Extracted material:
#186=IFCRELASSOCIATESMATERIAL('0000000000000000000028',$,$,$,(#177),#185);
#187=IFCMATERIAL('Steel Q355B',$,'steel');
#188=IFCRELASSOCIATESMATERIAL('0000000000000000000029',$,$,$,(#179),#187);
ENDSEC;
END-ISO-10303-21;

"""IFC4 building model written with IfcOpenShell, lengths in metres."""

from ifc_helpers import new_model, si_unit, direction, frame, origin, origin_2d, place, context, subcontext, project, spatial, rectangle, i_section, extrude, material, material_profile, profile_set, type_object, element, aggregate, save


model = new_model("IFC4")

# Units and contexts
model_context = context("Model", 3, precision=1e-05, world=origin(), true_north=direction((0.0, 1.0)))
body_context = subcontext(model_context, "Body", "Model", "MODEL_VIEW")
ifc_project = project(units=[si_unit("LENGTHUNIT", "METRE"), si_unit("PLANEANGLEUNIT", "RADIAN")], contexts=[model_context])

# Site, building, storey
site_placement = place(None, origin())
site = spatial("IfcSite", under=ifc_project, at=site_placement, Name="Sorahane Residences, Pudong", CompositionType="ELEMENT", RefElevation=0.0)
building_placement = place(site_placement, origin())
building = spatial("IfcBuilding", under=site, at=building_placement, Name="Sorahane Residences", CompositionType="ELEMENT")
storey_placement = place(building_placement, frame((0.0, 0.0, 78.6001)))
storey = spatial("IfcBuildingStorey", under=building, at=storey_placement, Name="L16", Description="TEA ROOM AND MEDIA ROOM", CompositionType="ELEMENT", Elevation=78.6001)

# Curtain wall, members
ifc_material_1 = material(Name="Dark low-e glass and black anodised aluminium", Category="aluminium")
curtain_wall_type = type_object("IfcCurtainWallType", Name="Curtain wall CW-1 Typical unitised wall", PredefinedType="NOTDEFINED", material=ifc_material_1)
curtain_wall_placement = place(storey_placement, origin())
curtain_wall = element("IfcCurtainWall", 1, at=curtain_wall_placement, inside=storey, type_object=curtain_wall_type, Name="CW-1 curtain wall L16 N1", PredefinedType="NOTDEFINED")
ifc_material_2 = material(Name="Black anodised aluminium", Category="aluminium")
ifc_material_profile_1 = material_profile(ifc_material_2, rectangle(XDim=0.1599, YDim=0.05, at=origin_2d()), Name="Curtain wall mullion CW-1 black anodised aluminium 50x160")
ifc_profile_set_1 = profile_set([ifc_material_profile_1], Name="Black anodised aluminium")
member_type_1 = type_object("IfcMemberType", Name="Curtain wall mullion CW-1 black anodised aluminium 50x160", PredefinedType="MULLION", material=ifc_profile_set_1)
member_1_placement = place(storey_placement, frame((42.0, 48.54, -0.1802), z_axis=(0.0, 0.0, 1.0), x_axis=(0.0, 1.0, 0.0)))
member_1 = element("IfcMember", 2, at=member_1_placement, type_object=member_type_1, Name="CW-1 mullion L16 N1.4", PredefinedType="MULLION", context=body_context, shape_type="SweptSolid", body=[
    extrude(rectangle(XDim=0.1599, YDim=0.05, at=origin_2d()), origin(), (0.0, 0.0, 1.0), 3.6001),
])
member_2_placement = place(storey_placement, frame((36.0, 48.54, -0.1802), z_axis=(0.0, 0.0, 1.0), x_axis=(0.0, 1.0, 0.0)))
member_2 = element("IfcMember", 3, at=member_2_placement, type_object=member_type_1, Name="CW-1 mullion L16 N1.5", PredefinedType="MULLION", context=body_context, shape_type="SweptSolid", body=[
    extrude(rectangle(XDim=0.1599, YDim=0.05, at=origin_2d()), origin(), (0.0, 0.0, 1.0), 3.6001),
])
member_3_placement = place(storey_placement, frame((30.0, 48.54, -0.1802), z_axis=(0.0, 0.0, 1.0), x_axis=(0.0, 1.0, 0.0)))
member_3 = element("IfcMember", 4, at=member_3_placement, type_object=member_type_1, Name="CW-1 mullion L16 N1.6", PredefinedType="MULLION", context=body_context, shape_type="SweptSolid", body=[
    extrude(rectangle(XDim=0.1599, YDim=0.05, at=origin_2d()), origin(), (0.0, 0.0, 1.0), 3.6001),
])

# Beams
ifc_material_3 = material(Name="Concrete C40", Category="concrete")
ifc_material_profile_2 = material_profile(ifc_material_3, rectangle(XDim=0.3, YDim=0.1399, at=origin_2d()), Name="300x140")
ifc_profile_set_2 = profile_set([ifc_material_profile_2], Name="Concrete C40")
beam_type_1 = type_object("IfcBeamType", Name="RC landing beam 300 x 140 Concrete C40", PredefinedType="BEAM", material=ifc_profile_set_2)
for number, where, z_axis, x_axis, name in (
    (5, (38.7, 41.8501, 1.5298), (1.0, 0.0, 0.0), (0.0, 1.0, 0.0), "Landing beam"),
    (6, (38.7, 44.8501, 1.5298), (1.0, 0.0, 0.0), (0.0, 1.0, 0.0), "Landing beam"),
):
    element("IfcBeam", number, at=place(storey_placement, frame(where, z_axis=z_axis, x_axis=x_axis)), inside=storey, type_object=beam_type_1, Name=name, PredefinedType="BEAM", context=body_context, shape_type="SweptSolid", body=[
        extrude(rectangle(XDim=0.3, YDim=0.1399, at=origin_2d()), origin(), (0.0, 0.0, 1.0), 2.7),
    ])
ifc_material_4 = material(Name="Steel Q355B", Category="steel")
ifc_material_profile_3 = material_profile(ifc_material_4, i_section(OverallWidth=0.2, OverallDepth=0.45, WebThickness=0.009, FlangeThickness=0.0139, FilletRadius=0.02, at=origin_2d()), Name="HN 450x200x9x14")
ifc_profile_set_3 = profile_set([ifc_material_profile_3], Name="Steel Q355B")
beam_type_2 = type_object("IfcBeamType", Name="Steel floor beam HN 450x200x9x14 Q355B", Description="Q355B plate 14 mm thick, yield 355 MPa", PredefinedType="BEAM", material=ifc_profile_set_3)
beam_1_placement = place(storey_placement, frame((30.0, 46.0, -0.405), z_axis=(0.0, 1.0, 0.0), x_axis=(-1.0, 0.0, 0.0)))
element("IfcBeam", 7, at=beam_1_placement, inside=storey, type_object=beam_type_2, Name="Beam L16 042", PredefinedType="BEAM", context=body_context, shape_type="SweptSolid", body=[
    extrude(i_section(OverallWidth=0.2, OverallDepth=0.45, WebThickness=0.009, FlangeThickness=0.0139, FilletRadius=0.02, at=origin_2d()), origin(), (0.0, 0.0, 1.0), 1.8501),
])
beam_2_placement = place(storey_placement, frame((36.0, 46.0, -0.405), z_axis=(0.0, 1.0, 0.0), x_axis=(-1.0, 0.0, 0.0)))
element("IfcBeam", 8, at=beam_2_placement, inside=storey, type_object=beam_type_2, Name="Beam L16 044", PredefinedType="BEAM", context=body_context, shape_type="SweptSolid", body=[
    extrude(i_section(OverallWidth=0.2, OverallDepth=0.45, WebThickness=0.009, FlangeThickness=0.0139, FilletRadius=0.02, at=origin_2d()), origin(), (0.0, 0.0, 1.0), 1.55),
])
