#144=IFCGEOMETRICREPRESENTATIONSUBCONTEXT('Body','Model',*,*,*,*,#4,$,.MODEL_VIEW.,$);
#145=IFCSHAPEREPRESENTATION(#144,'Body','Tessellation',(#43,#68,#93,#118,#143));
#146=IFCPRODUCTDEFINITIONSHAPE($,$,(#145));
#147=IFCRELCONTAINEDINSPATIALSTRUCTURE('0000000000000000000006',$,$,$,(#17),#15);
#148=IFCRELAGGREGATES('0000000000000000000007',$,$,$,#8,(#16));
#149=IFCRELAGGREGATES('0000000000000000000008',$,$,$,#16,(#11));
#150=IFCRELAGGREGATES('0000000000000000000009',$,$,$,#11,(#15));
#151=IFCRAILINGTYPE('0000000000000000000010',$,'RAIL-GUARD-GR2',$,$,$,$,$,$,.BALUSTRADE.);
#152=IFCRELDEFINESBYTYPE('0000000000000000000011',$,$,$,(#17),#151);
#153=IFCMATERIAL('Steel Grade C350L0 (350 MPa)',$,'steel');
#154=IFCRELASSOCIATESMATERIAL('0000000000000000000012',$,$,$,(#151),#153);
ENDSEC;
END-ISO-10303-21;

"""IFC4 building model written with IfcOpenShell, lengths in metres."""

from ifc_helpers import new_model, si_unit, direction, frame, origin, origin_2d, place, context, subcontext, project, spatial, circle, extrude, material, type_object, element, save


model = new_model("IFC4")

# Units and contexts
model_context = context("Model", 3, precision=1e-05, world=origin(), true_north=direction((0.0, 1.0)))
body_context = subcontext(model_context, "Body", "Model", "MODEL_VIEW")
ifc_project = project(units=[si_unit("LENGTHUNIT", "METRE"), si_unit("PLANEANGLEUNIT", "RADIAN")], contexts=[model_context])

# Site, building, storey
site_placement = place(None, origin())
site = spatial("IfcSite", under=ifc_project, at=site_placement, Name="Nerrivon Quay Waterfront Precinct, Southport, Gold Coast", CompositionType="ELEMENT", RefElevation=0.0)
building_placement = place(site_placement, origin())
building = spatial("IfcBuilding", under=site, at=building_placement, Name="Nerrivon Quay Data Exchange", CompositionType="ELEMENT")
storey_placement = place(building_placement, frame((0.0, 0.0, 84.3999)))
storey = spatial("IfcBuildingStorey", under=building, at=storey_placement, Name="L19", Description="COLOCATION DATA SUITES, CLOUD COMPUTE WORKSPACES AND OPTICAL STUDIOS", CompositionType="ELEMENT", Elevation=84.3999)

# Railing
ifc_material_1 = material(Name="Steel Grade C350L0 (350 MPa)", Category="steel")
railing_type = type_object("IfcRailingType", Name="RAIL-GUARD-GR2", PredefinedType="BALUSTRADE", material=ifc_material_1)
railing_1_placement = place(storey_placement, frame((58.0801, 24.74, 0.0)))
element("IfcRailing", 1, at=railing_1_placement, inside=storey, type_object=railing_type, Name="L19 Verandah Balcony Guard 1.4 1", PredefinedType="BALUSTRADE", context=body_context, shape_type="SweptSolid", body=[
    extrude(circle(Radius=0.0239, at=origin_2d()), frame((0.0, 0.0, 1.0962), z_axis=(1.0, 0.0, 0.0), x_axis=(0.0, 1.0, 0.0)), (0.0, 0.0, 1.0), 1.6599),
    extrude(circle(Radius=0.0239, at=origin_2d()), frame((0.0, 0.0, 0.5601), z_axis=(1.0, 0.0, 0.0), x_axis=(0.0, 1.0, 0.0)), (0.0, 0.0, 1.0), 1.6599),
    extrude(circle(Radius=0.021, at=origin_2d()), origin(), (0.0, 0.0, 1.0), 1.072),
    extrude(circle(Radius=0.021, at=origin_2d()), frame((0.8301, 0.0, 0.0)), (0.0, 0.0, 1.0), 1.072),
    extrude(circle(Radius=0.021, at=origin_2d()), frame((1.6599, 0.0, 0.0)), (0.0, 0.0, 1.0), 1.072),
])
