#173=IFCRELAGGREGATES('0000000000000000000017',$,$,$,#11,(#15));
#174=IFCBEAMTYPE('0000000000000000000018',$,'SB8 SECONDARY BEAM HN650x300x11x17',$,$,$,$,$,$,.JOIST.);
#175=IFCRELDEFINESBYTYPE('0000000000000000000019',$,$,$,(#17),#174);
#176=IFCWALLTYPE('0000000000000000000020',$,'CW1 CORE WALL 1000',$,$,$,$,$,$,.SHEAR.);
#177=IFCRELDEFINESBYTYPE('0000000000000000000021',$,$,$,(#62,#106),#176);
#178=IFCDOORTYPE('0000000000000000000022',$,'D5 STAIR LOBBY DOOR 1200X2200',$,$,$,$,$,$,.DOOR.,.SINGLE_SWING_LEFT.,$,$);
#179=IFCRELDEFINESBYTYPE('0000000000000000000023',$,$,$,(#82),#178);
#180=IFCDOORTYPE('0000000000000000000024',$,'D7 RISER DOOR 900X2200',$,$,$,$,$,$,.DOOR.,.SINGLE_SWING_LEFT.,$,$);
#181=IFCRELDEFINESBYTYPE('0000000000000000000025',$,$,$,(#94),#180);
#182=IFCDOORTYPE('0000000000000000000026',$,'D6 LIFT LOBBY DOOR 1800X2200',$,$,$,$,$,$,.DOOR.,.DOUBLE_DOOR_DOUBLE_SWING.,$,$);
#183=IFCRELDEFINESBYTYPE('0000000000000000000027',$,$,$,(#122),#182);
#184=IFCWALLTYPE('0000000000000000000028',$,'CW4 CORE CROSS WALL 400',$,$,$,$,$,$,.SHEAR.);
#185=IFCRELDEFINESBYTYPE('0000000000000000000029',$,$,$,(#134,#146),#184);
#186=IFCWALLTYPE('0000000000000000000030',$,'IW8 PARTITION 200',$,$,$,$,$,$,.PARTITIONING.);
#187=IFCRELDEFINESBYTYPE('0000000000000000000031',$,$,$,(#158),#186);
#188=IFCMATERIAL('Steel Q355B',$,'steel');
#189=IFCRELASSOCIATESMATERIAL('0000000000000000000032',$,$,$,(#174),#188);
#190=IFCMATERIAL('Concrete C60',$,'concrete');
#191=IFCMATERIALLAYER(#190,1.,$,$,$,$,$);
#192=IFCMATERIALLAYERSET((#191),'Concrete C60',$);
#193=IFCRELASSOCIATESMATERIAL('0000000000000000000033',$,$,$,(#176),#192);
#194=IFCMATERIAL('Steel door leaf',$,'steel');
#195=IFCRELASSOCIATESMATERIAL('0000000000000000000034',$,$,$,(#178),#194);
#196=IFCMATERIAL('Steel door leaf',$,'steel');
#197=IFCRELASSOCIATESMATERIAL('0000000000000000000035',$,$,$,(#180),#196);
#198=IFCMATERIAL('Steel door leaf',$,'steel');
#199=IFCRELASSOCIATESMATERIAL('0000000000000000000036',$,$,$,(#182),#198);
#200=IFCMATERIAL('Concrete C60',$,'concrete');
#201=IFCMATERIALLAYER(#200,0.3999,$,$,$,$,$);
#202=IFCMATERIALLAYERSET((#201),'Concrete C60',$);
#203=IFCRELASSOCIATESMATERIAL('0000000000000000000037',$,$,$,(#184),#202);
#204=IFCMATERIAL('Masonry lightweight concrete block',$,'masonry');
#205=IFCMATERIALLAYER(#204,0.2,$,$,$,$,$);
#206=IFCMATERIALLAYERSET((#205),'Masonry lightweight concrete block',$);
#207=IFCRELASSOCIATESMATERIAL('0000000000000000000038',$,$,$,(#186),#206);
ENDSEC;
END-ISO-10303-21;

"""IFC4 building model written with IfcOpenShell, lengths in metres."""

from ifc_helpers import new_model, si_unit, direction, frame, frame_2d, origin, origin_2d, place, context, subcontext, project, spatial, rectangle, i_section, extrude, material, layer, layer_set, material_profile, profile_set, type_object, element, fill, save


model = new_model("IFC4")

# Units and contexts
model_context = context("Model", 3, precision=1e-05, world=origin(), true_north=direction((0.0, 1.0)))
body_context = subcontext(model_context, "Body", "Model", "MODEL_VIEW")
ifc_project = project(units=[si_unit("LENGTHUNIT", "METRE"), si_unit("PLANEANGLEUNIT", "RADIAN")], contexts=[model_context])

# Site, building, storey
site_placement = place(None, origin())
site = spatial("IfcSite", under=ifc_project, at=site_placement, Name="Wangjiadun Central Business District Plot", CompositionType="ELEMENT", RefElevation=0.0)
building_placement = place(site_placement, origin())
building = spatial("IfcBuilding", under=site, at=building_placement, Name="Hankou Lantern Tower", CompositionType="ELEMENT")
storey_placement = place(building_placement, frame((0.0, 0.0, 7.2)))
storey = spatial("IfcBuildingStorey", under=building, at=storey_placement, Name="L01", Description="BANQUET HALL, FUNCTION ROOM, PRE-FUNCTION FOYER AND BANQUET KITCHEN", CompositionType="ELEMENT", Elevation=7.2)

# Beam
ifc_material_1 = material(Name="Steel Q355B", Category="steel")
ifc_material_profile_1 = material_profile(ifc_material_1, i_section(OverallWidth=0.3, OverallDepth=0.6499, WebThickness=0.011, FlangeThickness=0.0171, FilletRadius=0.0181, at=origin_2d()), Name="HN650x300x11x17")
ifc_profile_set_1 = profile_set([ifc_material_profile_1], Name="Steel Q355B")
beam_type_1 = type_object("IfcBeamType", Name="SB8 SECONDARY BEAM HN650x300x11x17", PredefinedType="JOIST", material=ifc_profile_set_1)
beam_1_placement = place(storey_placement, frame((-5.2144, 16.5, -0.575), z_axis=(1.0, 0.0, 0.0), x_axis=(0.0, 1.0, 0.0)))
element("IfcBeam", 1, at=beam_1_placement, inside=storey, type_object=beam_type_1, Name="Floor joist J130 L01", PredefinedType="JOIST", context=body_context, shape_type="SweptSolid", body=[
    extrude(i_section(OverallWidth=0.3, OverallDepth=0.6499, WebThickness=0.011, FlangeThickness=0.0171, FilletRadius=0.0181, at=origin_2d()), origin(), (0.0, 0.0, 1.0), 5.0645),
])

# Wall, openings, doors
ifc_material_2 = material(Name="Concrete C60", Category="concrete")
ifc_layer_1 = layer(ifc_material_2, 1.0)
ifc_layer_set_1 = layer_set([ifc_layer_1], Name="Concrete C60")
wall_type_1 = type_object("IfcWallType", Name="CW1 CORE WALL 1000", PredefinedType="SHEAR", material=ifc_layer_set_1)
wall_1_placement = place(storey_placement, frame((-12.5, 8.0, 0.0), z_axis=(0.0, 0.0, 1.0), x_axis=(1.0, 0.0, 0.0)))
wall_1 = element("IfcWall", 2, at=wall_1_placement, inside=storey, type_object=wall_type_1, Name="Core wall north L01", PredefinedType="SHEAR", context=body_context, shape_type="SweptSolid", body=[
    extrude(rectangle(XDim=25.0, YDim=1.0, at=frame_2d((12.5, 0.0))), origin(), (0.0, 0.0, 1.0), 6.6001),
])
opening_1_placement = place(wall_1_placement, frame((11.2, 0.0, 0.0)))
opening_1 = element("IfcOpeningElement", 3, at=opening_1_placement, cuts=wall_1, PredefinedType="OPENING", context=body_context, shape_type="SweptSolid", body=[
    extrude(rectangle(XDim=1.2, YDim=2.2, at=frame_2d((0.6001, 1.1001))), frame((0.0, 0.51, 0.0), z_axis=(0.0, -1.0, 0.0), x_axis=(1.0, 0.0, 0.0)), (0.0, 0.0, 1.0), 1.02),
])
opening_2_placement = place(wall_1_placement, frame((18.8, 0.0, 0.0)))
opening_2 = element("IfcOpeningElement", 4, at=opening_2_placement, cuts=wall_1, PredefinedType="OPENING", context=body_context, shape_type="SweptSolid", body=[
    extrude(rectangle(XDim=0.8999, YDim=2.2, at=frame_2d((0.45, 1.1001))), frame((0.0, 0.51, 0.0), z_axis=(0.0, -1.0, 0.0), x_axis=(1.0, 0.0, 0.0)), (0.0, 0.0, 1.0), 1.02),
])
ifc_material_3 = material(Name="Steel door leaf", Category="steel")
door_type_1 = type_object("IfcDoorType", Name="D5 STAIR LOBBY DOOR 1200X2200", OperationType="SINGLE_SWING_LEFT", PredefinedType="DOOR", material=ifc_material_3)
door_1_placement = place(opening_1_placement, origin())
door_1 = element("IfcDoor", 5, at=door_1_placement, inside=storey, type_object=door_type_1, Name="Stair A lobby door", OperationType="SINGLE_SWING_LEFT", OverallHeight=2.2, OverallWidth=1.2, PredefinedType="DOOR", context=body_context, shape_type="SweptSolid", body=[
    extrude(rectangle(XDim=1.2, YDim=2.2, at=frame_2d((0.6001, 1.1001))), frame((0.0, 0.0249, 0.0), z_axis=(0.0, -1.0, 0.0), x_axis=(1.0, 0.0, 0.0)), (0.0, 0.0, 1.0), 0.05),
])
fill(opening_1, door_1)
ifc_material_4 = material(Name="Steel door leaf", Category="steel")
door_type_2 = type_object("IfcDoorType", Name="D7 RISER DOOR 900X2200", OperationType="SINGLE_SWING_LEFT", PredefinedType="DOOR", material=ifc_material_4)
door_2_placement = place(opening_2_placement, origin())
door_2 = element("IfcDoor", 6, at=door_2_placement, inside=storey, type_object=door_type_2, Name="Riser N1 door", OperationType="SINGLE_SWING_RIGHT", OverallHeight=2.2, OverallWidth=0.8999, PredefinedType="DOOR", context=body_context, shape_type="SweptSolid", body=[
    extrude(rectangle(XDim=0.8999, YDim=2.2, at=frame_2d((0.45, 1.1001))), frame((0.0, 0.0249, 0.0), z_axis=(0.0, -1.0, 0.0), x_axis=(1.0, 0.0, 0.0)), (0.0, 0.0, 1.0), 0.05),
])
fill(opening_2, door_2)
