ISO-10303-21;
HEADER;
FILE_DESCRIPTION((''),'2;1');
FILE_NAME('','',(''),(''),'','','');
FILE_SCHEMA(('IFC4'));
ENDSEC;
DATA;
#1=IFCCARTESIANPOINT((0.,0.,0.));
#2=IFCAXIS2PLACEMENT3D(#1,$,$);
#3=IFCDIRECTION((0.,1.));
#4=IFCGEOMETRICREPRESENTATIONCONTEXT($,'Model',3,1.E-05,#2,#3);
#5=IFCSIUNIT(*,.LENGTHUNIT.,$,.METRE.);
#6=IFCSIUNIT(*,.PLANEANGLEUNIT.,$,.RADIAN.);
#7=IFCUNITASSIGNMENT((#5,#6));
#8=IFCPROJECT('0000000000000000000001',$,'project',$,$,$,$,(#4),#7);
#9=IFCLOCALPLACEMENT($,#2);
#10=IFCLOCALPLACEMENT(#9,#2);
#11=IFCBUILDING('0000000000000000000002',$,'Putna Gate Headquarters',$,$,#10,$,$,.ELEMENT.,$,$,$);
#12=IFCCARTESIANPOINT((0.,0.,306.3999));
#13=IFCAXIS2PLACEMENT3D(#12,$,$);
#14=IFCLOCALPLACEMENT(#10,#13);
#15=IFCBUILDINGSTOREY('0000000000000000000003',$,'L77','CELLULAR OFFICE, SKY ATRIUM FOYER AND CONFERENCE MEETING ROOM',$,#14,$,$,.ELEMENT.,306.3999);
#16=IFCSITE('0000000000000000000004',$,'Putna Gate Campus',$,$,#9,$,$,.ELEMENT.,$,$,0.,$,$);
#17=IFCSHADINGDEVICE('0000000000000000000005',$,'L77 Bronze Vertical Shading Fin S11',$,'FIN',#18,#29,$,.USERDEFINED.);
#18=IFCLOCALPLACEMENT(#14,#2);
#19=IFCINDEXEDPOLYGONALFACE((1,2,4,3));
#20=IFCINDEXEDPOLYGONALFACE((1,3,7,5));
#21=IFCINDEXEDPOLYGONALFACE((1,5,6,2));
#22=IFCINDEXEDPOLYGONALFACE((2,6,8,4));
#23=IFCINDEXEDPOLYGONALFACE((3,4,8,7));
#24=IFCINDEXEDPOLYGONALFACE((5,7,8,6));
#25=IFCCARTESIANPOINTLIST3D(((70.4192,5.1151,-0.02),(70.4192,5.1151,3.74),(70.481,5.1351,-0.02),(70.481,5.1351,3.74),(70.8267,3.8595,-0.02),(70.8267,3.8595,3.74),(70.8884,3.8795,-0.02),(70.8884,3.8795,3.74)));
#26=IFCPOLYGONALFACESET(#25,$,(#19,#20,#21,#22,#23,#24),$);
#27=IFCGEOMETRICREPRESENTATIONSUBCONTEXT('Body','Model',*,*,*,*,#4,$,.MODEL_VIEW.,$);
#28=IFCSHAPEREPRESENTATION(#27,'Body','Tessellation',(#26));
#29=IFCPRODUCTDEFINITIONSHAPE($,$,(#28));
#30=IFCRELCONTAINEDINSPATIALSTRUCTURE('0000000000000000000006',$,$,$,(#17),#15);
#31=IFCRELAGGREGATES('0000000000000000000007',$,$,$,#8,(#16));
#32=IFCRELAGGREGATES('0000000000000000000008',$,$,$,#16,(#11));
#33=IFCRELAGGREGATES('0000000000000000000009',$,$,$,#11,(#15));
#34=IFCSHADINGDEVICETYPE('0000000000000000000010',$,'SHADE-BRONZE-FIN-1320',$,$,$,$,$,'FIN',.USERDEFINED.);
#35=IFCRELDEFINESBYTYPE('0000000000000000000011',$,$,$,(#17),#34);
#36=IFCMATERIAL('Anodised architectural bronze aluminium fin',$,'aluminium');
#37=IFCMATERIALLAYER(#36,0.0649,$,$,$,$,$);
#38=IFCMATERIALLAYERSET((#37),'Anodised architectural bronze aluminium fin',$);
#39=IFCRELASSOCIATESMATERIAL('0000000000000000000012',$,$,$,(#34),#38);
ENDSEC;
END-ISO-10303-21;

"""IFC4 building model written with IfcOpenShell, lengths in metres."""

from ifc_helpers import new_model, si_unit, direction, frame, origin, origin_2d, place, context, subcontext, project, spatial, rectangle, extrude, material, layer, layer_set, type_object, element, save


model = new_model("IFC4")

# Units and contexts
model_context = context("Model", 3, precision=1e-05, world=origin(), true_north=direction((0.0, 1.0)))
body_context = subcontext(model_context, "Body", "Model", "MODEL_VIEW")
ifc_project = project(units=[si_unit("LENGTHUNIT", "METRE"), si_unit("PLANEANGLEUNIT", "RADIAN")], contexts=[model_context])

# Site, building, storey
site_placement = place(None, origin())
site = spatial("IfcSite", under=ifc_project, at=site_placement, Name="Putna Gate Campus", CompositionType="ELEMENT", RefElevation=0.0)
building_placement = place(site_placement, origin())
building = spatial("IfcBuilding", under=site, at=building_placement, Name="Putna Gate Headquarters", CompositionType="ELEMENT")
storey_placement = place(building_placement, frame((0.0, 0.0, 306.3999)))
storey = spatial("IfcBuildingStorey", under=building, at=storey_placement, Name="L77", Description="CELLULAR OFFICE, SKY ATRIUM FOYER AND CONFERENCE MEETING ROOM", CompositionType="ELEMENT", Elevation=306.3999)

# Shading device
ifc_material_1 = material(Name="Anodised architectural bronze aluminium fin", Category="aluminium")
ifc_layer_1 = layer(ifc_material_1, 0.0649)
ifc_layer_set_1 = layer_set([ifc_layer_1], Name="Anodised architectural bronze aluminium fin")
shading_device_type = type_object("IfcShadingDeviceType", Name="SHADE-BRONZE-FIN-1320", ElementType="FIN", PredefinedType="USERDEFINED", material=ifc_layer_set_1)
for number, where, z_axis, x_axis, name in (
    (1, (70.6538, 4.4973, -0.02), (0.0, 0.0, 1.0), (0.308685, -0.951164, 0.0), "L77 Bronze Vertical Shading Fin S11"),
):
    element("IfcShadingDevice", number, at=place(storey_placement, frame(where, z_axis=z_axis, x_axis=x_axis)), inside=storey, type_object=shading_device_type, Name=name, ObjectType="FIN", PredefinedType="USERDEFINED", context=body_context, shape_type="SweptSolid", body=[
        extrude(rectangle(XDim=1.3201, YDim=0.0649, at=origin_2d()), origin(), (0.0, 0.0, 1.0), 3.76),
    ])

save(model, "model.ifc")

Work required:
Write out every line of the entries that holds the word "SECONDARY".

Answer for the task:
#174=IFCBEAMTYPE('0000000000000000000018',$,'SB8 SECONDARY BEAM HN650x300x11x17',$,$,$,$,$,$,.JOIST.);
beam_type_1 = type_object("IfcBeamType", Name="SB8 SECONDARY BEAM HN650x300x11x17", PredefinedType="JOIST", material=ifc_profile_set_1)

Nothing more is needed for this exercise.